━━━ Input for this task

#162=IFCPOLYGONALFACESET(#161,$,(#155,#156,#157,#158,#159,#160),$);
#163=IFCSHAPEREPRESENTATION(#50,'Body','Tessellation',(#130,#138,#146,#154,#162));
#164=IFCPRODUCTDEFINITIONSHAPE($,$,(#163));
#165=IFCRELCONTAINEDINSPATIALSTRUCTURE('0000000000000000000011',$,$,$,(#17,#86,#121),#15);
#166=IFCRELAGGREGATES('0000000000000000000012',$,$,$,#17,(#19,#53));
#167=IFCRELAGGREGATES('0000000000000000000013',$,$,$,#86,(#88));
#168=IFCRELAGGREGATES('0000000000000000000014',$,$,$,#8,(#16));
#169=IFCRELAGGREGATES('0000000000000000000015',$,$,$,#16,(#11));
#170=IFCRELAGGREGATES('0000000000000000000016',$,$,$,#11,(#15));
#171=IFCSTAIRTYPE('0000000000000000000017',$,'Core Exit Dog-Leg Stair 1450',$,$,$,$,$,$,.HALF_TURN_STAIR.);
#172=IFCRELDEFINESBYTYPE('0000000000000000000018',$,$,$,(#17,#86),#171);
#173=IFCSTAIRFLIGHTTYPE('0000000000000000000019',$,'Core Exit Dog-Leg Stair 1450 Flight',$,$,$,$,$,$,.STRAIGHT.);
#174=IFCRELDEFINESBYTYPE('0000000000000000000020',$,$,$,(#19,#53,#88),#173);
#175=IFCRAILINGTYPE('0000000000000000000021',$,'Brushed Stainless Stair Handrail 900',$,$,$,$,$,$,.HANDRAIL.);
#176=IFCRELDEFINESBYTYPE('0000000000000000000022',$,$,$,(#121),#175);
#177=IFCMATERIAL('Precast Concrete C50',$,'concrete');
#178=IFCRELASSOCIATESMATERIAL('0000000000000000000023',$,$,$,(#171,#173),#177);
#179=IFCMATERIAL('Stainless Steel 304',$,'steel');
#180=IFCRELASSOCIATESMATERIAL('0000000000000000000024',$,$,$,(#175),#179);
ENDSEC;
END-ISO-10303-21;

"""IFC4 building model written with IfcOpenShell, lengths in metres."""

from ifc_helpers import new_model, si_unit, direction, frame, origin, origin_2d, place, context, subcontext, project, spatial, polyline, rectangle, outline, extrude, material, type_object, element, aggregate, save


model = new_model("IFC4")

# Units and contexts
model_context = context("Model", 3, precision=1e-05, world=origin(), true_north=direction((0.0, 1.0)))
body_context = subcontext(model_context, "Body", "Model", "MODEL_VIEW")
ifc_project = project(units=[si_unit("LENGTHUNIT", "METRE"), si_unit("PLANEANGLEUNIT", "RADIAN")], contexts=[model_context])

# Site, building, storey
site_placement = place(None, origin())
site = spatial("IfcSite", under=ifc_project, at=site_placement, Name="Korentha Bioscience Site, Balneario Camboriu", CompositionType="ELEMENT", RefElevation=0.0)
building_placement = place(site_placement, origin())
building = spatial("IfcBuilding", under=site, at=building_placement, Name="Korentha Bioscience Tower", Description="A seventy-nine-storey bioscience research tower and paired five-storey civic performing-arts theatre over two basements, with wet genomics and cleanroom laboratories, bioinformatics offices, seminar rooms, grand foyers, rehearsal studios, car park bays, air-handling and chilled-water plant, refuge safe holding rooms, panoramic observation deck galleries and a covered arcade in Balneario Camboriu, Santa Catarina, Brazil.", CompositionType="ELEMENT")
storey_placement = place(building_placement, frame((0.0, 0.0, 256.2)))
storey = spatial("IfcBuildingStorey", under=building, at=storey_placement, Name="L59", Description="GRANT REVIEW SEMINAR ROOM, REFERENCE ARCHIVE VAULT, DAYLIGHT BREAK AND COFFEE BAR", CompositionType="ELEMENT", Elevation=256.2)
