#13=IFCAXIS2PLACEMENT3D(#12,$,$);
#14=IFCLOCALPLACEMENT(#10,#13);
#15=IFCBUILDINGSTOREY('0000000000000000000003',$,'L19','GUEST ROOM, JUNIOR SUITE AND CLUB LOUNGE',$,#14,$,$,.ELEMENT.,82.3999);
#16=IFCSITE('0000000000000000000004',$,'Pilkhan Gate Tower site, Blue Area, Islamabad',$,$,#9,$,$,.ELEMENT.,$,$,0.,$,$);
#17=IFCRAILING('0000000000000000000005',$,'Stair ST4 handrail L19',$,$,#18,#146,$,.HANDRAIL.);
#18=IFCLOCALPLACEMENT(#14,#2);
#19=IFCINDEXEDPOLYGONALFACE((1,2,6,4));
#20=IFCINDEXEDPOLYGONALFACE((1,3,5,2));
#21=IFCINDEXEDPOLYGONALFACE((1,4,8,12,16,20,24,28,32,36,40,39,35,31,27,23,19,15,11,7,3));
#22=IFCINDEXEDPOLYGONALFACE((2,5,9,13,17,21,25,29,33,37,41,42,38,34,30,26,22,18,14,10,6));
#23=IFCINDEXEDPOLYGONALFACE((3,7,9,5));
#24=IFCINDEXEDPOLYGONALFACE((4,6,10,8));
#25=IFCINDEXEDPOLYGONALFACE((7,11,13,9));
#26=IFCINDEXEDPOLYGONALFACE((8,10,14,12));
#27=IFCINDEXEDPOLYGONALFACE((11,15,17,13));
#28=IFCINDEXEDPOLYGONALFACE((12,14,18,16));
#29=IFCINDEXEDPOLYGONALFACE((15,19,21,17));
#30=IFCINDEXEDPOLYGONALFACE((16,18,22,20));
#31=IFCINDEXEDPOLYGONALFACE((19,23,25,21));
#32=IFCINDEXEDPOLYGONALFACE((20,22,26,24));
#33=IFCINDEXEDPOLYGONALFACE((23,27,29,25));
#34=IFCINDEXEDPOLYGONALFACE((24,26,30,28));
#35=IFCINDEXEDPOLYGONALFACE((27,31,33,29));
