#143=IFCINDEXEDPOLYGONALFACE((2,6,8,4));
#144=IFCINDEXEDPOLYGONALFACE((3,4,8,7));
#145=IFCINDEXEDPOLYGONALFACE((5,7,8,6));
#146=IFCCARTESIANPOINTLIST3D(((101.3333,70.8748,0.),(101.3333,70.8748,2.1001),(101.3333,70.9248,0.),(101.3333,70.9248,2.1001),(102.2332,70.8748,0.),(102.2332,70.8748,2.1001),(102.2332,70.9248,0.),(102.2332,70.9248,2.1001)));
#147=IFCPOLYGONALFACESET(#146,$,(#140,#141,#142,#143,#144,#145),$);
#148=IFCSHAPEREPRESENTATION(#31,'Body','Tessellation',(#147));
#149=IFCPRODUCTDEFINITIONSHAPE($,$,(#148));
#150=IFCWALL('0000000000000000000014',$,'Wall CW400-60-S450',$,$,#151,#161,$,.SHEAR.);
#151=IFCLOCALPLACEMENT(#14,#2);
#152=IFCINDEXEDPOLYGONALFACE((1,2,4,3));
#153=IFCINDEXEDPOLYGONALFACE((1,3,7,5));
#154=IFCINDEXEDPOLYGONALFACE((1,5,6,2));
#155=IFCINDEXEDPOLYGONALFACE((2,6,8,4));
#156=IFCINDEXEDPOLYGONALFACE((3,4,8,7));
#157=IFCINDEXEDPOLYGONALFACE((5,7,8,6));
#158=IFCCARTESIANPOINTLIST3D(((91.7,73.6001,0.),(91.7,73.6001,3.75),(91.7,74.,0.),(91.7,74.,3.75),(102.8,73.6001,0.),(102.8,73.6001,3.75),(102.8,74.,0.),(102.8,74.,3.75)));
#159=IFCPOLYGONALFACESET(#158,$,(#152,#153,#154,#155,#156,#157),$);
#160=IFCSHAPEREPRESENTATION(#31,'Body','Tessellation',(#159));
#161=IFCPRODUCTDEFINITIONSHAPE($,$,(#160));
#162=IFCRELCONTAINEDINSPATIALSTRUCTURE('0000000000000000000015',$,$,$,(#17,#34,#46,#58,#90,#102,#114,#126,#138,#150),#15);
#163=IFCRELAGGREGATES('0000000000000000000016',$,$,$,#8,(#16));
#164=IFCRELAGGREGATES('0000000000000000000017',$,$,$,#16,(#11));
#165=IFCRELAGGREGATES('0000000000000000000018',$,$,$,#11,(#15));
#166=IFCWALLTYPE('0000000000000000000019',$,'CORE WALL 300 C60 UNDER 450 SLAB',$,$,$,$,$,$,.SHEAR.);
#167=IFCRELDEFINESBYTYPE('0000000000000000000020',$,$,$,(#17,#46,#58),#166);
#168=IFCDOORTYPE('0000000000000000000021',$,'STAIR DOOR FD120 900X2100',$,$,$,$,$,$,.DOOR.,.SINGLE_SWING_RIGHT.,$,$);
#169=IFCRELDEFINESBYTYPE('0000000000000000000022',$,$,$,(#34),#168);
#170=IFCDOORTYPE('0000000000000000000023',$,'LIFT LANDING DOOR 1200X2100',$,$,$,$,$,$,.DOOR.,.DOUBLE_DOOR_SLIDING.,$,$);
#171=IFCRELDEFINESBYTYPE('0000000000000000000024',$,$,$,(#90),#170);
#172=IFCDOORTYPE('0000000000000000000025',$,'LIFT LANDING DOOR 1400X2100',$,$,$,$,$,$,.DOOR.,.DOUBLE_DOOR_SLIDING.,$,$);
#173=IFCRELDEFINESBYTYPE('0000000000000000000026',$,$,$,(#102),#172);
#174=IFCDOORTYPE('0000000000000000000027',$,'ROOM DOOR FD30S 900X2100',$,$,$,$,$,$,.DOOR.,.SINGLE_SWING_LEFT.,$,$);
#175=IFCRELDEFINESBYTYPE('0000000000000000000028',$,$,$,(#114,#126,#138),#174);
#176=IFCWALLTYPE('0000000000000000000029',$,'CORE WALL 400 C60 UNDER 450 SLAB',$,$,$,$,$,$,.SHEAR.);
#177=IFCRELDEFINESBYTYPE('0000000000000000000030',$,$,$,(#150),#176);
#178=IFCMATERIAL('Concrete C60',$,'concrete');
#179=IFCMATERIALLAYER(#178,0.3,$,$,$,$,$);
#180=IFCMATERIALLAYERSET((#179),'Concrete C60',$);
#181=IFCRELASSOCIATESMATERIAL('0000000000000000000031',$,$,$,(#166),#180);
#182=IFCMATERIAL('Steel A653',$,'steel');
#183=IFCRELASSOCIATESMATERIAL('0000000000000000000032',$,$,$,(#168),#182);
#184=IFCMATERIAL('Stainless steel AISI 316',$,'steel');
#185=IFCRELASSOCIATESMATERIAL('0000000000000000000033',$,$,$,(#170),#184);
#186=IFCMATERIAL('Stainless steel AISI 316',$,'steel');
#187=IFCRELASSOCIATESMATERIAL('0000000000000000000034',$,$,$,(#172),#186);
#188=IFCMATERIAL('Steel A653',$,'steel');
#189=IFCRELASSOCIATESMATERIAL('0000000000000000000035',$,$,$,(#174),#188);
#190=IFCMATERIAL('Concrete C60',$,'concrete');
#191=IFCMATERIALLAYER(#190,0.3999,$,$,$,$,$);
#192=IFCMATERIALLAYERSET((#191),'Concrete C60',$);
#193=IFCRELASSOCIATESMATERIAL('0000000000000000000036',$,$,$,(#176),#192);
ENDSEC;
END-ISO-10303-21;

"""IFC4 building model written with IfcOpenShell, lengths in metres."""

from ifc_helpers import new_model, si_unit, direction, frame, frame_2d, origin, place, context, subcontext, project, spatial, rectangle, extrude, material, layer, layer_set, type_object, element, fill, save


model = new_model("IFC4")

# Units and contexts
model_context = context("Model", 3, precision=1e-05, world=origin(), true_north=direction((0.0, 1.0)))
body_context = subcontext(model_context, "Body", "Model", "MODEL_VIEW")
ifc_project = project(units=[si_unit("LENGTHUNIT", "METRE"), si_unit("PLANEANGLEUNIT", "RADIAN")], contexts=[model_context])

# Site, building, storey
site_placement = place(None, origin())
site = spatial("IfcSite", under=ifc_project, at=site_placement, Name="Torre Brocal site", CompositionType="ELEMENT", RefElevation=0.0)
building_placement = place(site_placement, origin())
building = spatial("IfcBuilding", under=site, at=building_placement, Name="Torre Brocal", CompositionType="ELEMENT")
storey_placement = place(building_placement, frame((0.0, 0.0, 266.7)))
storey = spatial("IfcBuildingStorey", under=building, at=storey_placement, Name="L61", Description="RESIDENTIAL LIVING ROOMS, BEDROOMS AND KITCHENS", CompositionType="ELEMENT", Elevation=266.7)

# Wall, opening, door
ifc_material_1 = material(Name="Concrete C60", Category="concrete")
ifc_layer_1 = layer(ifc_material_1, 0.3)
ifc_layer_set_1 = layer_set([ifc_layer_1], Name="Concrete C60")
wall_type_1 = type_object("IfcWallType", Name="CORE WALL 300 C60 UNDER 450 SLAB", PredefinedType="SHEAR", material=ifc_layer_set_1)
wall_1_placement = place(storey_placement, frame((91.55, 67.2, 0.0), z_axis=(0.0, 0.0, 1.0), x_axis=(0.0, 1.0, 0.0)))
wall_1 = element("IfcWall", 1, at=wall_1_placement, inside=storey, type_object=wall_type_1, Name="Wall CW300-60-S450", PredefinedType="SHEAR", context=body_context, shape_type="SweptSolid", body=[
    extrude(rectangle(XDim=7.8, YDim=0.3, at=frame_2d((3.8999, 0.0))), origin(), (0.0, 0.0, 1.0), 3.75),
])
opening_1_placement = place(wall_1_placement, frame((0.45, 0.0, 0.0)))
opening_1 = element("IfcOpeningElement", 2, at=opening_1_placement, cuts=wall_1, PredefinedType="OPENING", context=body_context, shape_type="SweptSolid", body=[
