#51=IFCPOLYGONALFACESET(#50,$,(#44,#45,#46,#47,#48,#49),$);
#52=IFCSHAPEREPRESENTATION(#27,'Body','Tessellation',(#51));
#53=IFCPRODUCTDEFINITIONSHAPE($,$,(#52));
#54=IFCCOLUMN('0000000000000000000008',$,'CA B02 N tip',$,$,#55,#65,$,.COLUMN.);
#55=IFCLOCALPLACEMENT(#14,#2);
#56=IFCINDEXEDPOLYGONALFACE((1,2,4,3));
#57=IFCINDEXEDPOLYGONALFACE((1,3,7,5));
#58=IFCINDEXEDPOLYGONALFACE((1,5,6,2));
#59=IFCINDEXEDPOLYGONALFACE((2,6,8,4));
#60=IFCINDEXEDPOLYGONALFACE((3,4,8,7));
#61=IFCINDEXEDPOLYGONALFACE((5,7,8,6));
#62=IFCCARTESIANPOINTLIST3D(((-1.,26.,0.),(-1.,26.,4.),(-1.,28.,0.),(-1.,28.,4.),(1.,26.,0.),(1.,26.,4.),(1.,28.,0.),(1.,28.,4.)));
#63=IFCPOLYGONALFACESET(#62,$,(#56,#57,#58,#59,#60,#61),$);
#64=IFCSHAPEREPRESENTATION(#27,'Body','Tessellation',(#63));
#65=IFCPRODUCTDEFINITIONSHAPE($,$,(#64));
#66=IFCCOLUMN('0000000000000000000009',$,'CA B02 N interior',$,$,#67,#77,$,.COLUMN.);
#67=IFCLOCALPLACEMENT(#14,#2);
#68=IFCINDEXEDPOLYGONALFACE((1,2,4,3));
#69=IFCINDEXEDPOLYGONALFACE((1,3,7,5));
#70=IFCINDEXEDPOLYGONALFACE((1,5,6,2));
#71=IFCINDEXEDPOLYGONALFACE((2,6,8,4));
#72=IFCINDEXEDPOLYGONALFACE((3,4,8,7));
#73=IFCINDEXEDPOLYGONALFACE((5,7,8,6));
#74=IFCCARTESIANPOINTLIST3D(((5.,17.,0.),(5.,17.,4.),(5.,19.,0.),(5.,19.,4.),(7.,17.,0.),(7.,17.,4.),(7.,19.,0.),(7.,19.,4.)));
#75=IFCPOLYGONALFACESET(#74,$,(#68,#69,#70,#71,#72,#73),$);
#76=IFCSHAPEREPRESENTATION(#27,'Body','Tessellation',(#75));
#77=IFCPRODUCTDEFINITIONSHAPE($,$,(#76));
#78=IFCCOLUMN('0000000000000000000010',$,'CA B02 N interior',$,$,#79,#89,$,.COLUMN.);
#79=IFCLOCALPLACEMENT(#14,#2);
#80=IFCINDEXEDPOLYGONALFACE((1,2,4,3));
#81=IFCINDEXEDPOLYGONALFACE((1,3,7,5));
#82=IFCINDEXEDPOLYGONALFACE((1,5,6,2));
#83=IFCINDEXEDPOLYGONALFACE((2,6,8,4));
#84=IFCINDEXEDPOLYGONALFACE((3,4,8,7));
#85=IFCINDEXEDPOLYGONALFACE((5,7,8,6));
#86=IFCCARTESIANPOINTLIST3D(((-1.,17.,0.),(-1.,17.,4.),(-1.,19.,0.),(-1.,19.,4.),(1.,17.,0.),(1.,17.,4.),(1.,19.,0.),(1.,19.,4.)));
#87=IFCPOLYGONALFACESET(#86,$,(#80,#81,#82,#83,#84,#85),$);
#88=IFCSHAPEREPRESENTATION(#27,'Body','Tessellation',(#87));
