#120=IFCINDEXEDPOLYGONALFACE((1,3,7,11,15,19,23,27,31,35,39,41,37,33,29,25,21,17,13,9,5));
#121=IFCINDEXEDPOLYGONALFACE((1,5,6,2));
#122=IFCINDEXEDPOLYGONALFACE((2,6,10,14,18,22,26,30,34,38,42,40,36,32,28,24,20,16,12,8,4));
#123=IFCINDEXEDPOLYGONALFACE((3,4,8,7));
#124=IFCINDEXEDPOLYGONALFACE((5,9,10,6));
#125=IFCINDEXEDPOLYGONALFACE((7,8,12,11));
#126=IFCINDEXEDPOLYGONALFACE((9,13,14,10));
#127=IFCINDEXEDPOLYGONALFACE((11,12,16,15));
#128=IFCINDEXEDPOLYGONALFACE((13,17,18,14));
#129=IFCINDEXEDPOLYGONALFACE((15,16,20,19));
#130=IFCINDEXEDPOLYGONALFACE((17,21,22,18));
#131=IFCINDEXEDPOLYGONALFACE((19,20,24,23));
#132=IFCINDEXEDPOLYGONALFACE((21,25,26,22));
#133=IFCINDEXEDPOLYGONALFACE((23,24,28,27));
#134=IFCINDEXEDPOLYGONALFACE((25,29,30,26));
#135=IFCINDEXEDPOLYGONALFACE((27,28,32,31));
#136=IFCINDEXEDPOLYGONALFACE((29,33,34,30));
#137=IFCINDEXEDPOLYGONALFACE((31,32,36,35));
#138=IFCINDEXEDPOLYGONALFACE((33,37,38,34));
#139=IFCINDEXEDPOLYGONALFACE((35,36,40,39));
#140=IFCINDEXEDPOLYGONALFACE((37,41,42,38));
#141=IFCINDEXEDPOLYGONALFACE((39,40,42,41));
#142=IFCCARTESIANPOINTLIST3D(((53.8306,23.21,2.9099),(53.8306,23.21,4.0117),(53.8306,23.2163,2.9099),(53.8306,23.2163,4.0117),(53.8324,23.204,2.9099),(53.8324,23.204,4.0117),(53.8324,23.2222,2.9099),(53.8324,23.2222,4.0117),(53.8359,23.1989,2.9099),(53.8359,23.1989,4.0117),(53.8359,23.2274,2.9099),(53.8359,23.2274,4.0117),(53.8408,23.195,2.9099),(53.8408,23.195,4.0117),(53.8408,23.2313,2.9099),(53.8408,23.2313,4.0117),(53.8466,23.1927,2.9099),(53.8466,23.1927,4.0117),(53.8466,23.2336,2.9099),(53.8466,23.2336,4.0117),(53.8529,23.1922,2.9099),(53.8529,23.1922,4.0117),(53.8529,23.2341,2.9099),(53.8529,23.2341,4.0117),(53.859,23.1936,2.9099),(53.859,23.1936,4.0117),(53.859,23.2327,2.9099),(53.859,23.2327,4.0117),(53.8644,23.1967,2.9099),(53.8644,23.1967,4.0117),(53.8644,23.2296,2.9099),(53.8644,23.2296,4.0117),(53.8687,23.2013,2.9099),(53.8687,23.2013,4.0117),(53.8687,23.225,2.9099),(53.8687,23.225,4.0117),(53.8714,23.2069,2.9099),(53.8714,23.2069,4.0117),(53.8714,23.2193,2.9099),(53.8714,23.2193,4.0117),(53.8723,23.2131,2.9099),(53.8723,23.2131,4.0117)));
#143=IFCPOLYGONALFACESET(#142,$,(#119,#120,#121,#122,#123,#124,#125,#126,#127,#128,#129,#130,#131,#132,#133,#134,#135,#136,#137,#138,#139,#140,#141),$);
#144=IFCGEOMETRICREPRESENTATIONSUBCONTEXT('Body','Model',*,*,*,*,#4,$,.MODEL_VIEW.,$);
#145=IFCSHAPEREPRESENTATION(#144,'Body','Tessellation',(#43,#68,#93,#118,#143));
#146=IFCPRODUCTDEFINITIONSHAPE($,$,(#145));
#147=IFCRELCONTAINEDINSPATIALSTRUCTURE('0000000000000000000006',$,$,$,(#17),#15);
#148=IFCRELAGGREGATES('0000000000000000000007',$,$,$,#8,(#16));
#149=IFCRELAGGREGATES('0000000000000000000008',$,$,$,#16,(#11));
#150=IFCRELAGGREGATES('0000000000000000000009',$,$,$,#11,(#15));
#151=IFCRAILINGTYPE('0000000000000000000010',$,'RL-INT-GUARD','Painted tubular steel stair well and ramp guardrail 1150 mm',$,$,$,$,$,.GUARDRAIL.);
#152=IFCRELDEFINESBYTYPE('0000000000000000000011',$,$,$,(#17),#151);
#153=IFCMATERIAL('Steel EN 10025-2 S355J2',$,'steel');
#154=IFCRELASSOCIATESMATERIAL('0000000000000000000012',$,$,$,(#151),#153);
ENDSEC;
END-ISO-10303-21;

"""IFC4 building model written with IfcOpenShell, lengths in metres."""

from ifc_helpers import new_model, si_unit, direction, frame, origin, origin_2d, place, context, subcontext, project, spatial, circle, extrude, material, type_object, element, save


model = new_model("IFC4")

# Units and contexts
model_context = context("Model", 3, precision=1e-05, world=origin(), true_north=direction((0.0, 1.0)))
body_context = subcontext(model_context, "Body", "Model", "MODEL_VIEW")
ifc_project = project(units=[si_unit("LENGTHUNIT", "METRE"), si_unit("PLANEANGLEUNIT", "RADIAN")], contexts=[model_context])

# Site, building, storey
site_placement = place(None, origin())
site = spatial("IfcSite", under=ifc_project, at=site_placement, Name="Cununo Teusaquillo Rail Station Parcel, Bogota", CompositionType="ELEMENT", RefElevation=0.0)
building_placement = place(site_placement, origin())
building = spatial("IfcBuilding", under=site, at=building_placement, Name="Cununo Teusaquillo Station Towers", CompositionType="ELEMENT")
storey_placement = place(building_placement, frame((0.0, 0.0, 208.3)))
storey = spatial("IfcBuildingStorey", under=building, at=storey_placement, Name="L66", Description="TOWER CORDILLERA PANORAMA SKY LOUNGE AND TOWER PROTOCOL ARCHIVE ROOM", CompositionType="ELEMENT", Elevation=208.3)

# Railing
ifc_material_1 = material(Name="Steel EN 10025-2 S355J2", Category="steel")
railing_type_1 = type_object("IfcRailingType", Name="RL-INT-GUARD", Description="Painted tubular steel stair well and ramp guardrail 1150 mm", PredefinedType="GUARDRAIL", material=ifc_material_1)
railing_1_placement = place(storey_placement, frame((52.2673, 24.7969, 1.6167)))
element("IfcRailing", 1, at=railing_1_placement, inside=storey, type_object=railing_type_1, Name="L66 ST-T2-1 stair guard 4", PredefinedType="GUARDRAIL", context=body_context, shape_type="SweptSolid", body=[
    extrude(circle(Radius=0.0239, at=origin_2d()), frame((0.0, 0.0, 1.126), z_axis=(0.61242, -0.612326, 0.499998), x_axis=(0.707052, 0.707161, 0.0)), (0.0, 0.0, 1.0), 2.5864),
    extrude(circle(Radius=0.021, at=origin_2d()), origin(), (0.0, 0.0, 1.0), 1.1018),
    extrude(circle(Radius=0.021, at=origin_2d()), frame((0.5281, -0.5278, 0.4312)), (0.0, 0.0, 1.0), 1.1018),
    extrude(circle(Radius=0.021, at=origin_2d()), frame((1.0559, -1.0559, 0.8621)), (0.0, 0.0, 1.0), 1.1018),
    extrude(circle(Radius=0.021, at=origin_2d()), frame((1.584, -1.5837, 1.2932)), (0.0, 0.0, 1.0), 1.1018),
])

━━━━━━

All lines with the word "Teusaquillo" are needed; pull them from the entries and copy each.

site = spatial("IfcSite", under=ifc_project, at=site_placement, Name="Cununo Teusaquillo Rail Station Parcel, Bogota", CompositionType="ELEMENT", RefElevation=0.0)
building = spatial("IfcBuilding", under=site, at=building_placement, Name="Cununo Teusaquillo Station Towers", CompositionType="ELEMENT")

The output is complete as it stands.